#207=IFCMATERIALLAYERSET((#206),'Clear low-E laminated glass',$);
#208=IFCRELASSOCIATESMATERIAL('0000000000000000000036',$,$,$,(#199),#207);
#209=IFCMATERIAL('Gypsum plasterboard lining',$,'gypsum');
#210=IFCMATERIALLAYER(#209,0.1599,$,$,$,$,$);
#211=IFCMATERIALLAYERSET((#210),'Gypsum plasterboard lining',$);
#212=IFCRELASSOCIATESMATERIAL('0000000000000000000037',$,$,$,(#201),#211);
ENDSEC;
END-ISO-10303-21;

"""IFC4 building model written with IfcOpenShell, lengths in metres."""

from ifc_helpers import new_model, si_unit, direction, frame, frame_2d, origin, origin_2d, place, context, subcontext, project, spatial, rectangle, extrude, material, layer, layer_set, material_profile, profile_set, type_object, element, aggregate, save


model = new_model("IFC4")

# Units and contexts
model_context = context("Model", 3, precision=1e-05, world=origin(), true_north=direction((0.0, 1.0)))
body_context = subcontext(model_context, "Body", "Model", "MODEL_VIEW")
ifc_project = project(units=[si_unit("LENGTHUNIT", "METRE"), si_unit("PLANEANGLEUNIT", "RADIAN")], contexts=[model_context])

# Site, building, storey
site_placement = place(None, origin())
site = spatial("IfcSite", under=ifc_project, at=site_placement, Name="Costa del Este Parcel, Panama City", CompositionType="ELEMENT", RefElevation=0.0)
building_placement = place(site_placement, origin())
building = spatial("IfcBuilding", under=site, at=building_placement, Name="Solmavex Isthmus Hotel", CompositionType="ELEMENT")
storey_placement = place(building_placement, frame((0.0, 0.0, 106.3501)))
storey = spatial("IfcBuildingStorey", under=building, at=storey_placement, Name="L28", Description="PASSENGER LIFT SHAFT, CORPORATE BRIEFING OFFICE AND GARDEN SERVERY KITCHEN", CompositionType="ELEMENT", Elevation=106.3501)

- WHAT IS REQUIRED: The material is to be transcribed once more, exactly and completely.

- OUTPUT:
#207=IFCMATERIALLAYERSET((#206),'Clear low-E laminated glass',$);
#208=IFCRELASSOCIATESMATERIAL('0000000000000000000036',$,$,$,(#199),#207);
#209=IFCMATERIAL('Gypsum plasterboard lining',$,'gypsum');
#210=IFCMATERIALLAYER(#209,0.1599,$,$,$,$,$);
#211=IFCMATERIALLAYERSET((#210),'Gypsum plasterboard lining',$);
#212=IFCRELASSOCIATESMATERIAL('0000000000000000000037',$,$,$,(#201),#211);
ENDSEC;
END-ISO-10303-21;

"""IFC4 building model written with IfcOpenShell, lengths in metres."""

from ifc_helpers import new_model, si_unit, direction, frame, frame_2d, origin, origin_2d, place, context, subcontext, project, spatial, rectangle, extrude, material, layer, layer_set, material_profile, profile_set, type_object, element, aggregate, save


model = new_model("IFC4")

# Units and contexts
model_context = context("Model", 3, precision=1e-05, world=origin(), true_north=direction((0.0, 1.0)))
body_context = subcontext(model_context, "Body", "Model", "MODEL_VIEW")
ifc_project = project(units=[si_unit("LENGTHUNIT", "METRE"), si_unit("PLANEANGLEUNIT", "RADIAN")], contexts=[model_context])

# Site, building, storey
site_placement = place(None, origin())
site = spatial("IfcSite", under=ifc_project, at=site_placement, Name="Costa del Este Parcel, Panama City", CompositionType="ELEMENT", RefElevation=0.0)
building_placement = place(site_placement, origin())
building = spatial("IfcBuilding", under=site, at=building_placement, Name="Solmavex Isthmus Hotel", CompositionType="ELEMENT")
storey_placement = place(building_placement, frame((0.0, 0.0, 106.3501)))
storey = spatial("IfcBuildingStorey", under=building, at=storey_placement, Name="L28", Description="PASSENGER LIFT SHAFT, CORPORATE BRIEFING OFFICE AND GARDEN SERVERY KITCHEN", CompositionType="ELEMENT", Elevation=106.3501)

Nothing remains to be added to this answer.